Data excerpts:
● ● ● ● ● ● ●

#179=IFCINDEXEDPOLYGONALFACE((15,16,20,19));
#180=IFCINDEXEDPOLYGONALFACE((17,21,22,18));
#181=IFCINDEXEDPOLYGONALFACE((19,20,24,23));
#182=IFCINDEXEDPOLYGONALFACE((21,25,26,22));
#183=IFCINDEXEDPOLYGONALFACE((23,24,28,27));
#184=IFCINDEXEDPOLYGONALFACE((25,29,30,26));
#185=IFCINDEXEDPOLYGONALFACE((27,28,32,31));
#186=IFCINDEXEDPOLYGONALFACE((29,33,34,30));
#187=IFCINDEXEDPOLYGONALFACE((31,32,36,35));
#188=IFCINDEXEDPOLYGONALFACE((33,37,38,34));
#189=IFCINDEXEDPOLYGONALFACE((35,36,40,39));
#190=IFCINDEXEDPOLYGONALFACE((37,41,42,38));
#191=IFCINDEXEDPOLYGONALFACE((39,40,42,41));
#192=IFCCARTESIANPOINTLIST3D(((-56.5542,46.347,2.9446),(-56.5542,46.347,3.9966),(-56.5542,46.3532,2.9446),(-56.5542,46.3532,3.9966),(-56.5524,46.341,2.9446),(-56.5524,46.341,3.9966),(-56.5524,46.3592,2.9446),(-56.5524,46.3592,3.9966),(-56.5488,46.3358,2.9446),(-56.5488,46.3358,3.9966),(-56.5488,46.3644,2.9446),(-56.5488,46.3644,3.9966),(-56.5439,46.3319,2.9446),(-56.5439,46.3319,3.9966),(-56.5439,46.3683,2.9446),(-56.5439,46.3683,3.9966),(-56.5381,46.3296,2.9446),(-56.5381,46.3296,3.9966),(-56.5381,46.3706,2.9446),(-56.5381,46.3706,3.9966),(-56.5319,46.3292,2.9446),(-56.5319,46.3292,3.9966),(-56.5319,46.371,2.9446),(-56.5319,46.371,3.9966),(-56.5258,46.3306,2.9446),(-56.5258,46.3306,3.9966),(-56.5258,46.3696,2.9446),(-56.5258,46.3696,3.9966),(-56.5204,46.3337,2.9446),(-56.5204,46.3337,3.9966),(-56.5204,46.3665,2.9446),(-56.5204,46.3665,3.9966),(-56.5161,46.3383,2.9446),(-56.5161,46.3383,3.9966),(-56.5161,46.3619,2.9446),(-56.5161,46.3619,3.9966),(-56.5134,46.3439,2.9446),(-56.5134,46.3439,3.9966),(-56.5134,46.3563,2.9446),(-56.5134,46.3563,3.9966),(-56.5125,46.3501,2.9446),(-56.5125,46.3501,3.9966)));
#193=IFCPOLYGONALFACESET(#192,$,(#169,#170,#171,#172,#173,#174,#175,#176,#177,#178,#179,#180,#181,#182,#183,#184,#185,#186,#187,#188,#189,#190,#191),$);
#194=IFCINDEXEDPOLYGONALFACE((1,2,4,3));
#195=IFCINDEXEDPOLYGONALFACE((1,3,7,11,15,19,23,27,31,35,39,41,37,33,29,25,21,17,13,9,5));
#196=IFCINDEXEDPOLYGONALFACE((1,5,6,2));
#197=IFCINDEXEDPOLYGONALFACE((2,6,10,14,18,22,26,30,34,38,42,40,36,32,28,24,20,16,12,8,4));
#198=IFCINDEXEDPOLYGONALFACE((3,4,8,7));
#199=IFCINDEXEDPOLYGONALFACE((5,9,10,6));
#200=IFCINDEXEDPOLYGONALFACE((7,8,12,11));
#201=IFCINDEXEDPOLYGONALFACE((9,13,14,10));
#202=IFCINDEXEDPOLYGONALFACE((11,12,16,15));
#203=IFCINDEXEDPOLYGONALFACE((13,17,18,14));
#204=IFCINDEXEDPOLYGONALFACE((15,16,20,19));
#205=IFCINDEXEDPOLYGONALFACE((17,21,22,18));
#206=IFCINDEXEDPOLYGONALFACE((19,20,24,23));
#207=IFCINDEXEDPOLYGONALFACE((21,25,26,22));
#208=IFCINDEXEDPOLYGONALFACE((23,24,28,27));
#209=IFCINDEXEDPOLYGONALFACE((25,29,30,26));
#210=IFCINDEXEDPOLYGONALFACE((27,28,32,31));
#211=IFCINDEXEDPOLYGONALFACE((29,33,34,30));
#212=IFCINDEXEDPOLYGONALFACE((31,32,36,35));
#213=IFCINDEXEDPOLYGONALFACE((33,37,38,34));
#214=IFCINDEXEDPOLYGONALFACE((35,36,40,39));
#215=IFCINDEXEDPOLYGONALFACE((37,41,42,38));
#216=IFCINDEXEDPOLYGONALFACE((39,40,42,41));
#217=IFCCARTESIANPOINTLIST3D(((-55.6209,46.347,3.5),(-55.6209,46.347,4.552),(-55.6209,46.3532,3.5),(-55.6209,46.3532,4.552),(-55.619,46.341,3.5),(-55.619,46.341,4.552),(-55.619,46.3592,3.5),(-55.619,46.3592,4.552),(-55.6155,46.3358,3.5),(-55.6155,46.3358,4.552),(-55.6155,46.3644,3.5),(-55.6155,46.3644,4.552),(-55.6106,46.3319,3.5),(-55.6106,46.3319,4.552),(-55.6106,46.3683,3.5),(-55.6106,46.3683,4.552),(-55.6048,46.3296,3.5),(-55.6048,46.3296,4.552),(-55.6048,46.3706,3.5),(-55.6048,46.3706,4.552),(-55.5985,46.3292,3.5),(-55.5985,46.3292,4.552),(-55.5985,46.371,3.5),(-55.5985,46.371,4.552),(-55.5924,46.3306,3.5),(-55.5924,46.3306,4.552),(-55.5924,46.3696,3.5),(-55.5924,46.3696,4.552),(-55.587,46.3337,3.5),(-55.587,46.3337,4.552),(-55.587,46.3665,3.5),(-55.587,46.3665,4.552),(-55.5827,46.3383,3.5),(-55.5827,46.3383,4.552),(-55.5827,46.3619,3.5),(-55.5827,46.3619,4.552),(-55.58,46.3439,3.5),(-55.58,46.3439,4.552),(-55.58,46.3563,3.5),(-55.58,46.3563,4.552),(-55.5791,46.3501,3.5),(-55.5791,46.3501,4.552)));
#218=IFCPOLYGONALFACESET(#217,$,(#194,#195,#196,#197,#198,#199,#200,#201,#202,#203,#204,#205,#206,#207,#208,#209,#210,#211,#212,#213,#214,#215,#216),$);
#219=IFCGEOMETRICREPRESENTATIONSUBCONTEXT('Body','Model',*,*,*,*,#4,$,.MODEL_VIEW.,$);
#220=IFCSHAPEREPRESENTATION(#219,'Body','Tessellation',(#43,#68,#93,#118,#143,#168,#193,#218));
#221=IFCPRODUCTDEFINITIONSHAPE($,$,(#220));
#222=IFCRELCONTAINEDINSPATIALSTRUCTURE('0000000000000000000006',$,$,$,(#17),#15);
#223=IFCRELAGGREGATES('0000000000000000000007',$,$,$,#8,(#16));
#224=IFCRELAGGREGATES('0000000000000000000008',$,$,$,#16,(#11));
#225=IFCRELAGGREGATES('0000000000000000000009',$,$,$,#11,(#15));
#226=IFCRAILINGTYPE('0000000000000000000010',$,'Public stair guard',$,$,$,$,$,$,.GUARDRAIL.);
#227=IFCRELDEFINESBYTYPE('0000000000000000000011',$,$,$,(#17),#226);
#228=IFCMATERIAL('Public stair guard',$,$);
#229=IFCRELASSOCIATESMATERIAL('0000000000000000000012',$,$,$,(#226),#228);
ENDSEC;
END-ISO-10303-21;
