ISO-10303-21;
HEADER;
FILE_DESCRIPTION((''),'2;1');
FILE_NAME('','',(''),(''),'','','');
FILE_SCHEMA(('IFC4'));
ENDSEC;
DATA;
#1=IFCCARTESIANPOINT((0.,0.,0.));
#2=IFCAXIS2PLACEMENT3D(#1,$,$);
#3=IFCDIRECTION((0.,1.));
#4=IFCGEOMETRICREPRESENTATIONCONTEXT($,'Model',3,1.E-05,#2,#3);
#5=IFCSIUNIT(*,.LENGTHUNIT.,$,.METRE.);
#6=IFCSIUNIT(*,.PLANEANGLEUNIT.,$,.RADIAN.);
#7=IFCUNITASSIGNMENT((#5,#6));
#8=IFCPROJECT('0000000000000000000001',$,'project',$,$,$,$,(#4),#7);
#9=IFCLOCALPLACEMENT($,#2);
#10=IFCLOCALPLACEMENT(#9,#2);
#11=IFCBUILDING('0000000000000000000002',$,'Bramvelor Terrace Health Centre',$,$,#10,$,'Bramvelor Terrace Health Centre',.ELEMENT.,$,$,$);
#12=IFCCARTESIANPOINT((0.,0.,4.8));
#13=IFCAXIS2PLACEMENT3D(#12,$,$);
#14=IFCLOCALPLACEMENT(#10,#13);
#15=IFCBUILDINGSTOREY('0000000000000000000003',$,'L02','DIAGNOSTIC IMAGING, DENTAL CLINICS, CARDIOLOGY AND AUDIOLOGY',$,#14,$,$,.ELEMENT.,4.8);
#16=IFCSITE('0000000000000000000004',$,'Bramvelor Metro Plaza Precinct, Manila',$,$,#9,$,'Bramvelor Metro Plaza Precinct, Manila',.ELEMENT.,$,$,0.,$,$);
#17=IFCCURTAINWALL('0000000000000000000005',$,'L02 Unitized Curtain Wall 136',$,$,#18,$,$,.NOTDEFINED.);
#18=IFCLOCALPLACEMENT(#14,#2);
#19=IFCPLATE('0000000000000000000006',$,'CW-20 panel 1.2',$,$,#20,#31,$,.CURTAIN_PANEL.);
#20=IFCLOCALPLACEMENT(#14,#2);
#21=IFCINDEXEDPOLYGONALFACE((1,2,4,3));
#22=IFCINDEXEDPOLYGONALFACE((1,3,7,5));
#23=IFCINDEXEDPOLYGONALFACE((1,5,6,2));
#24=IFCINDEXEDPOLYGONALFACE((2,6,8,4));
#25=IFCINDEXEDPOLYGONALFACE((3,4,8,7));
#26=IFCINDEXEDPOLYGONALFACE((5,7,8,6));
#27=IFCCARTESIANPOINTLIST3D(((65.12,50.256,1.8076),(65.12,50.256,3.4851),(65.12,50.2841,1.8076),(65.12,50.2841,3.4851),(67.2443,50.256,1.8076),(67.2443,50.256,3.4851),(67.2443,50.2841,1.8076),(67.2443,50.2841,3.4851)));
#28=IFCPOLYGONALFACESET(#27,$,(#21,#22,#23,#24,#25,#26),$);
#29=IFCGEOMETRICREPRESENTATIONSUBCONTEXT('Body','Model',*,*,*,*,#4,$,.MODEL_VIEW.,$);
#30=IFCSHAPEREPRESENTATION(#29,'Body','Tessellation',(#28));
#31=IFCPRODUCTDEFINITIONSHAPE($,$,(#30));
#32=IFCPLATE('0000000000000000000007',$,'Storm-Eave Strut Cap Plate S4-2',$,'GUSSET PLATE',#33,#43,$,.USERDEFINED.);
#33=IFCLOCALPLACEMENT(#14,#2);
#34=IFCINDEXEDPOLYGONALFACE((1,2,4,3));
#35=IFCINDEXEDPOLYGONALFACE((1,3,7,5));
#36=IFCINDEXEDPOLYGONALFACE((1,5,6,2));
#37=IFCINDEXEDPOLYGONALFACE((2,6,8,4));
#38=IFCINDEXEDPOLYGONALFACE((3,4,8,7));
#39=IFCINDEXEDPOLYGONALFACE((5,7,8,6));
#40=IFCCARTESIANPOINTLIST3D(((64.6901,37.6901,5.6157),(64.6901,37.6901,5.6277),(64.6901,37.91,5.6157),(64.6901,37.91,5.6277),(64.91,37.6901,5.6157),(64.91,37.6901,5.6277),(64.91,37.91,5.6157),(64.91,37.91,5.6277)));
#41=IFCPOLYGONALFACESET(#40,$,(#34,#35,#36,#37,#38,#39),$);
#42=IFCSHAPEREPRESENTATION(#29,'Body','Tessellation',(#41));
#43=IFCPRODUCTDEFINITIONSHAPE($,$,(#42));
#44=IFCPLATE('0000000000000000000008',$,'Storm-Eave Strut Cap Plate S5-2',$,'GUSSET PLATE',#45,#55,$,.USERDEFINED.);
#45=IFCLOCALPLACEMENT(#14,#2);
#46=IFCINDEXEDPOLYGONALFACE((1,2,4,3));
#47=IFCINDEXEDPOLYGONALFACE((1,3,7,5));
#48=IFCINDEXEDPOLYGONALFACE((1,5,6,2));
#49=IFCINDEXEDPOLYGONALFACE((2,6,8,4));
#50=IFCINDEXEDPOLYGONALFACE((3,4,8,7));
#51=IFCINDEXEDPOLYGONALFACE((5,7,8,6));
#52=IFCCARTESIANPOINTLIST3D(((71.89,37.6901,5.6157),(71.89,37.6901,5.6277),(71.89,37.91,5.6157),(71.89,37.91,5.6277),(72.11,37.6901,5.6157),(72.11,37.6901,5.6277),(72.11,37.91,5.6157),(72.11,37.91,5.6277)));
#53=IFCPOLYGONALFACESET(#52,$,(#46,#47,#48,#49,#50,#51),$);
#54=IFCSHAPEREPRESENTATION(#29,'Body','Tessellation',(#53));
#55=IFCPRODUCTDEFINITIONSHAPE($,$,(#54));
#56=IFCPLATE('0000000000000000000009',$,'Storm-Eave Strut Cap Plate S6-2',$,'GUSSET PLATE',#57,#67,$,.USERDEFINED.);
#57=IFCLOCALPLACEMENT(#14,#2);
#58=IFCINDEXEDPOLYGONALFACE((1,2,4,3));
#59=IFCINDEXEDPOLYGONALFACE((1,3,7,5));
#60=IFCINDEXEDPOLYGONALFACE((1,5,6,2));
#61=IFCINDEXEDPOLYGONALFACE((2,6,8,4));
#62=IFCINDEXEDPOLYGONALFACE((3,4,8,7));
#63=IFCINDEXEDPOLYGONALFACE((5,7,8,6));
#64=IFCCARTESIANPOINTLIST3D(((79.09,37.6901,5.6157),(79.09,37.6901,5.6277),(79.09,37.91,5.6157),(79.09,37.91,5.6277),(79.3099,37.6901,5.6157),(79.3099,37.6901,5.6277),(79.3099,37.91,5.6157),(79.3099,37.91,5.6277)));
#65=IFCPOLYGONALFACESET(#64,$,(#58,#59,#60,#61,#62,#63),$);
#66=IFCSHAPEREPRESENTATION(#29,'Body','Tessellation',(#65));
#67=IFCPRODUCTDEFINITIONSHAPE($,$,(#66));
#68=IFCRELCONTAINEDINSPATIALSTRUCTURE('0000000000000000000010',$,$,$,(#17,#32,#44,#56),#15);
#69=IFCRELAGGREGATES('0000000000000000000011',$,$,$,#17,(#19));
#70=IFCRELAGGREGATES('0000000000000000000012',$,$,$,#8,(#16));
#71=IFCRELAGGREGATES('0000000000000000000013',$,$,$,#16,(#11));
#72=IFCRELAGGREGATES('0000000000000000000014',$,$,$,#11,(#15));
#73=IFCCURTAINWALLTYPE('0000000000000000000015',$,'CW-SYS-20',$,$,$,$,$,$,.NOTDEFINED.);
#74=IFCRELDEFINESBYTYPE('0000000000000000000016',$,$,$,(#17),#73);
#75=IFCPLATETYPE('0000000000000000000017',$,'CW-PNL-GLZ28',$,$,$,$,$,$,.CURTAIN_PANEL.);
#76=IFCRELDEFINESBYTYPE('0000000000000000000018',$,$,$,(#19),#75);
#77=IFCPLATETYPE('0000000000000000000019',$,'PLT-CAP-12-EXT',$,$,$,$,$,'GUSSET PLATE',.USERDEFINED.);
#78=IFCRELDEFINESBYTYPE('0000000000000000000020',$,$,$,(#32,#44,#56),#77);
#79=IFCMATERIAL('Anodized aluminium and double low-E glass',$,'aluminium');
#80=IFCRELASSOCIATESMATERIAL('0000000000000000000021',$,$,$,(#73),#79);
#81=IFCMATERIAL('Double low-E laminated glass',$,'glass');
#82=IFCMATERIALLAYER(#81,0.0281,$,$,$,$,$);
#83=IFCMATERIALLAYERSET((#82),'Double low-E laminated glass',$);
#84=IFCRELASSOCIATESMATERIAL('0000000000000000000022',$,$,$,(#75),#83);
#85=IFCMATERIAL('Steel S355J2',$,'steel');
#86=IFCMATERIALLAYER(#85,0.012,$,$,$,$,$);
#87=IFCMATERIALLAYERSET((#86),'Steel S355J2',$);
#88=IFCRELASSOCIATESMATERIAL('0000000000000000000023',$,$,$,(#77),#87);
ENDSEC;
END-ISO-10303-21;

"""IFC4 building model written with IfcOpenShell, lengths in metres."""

from ifc_helpers import new_model, si_unit, direction, frame, origin, origin_2d, place, context, subcontext, project, spatial, rectangle, extrude, material, layer, layer_set, type_object, element, aggregate, save


model = new_model("IFC4")

# Units and contexts
model_context = context("Model", 3, precision=1e-05, world=origin(), true_north=direction((0.0, 1.0)))
body_context = subcontext(model_context, "Body", "Model", "MODEL_VIEW")
ifc_project = project(units=[si_unit("LENGTHUNIT", "METRE"), si_unit("PLANEANGLEUNIT", "RADIAN")], contexts=[model_context])

# Site, building, storey
site_placement = place(None, origin())
site = spatial("IfcSite", under=ifc_project, at=site_placement, Name="Bramvelor Metro Plaza Precinct, Manila", LongName="Bramvelor Metro Plaza Precinct, Manila", CompositionType="ELEMENT", RefElevation=0.0)
building_placement = place(site_placement, origin())
building = spatial("IfcBuilding", under=site, at=building_placement, Name="Bramvelor Terrace Health Centre", LongName="Bramvelor Terrace Health Centre", CompositionType="ELEMENT")
storey_placement = place(building_placement, frame((0.0, 0.0, 4.8)))
storey = spatial("IfcBuildingStorey", under=building, at=storey_placement, Name="L02", Description="DIAGNOSTIC IMAGING, DENTAL CLINICS, CARDIOLOGY AND AUDIOLOGY", CompositionType="ELEMENT", Elevation=4.8)

# Curtain wall
ifc_material_1 = material(Name="Anodized aluminium and double low-E glass", Category="aluminium")
curtain_wall_type = type_object("IfcCurtainWallType", Name="CW-SYS-20", PredefinedType="NOTDEFINED", material=ifc_material_1)
curtain_wall_1_placement = place(storey_placement, origin())
curtain_wall_1 = element("IfcCurtainWall", 1, at=curtain_wall_1_placement, inside=storey, type_object=curtain_wall_type, Name="L02 Unitized Curtain Wall 136", PredefinedType="NOTDEFINED")

# Plate
ifc_material_2 = material(Name="Double low-E laminated glass", Category="glass")
ifc_layer_1 = layer(ifc_material_2, 0.0281)
ifc_layer_set_1 = layer_set([ifc_layer_1], Name="Double low-E laminated glass")
plate_type_1 = type_object("IfcPlateType", Name="CW-PNL-GLZ28", PredefinedType="CURTAIN_PANEL", material=ifc_layer_set_1)
plate_1_placement = place(storey_placement, frame((66.1821, 50.27, 1.8076), z_axis=(0.0, 0.0, 1.0), x_axis=(1.0, 0.0, 0.0)))
plate_1 = element("IfcPlate", 2, at=plate_1_placement, type_object=plate_type_1, Name="CW-20 panel 1.2", PredefinedType="CURTAIN_PANEL", context=body_context, shape_type="SweptSolid", body=[
    extrude(rectangle(XDim=2.1243, YDim=0.0281, at=origin_2d()), origin(), (0.0, 0.0, 1.0), 1.6775),
])
aggregate(curtain_wall_1, [plate_1])

# Plates
ifc_material_3 = material(Name="Steel S355J2", Category="steel")
ifc_layer_2 = layer(ifc_material_3, 0.012)
ifc_layer_set_2 = layer_set([ifc_layer_2], Name="Steel S355J2")
plate_type_2 = type_object("IfcPlateType", Name="PLT-CAP-12-EXT", ElementType="GUSSET PLATE", PredefinedType="USERDEFINED", material=ifc_layer_set_2)
for number, where, z_axis, x_axis, name in (
    (3, (64.8, 37.8, 5.6157), (0.0, 0.0, 1.0), (1.0, 0.0, 0.0), "Storm-Eave Strut Cap Plate S4-2"),
    (4, (72.0, 37.8, 5.6157), (0.0, 0.0, 1.0), (1.0, 0.0, 0.0), "Storm-Eave Strut Cap Plate S5-2"),
    (5, (79.2, 37.8, 5.6157), (0.0, 0.0, 1.0), (1.0, 0.0, 0.0), "Storm-Eave Strut Cap Plate S6-2"),
):
    element("IfcPlate", number, at=place(storey_placement, frame(where, z_axis=z_axis, x_axis=x_axis)), inside=storey, type_object=plate_type_2, Name=name, ObjectType="GUSSET PLATE", PredefinedType="USERDEFINED", context=body_context, shape_type="SweptSolid", body=[
        extrude(rectangle(XDim=0.22, YDim=0.22, at=origin_2d()), origin(), (0.0, 0.0, 1.0), 0.012),
    ])

save(model, "model.ifc")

● ● ● ● ● ● ●

TASK ITEM: All that should appear in the response is the run of lines from the first line of the entries through the line containing "#191=IFCINDEXEDPOLYGONALFACE((39,40,42,41));", copied exactly.

TASK RESULT:
#179=IFCINDEXEDPOLYGONALFACE((15,16,20,19));
#180=IFCINDEXEDPOLYGONALFACE((17,21,22,18));
#181=IFCINDEXEDPOLYGONALFACE((19,20,24,23));
#182=IFCINDEXEDPOLYGONALFACE((21,25,26,22));
#183=IFCINDEXEDPOLYGONALFACE((23,24,28,27));
#184=IFCINDEXEDPOLYGONALFACE((25,29,30,26));
#185=IFCINDEXEDPOLYGONALFACE((27,28,32,31));
#186=IFCINDEXEDPOLYGONALFACE((29,33,34,30));
#187=IFCINDEXEDPOLYGONALFACE((31,32,36,35));
#188=IFCINDEXEDPOLYGONALFACE((33,37,38,34));
#189=IFCINDEXEDPOLYGONALFACE((35,36,40,39));
#190=IFCINDEXEDPOLYGONALFACE((37,41,42,38));
#191=IFCINDEXEDPOLYGONALFACE((39,40,42,41));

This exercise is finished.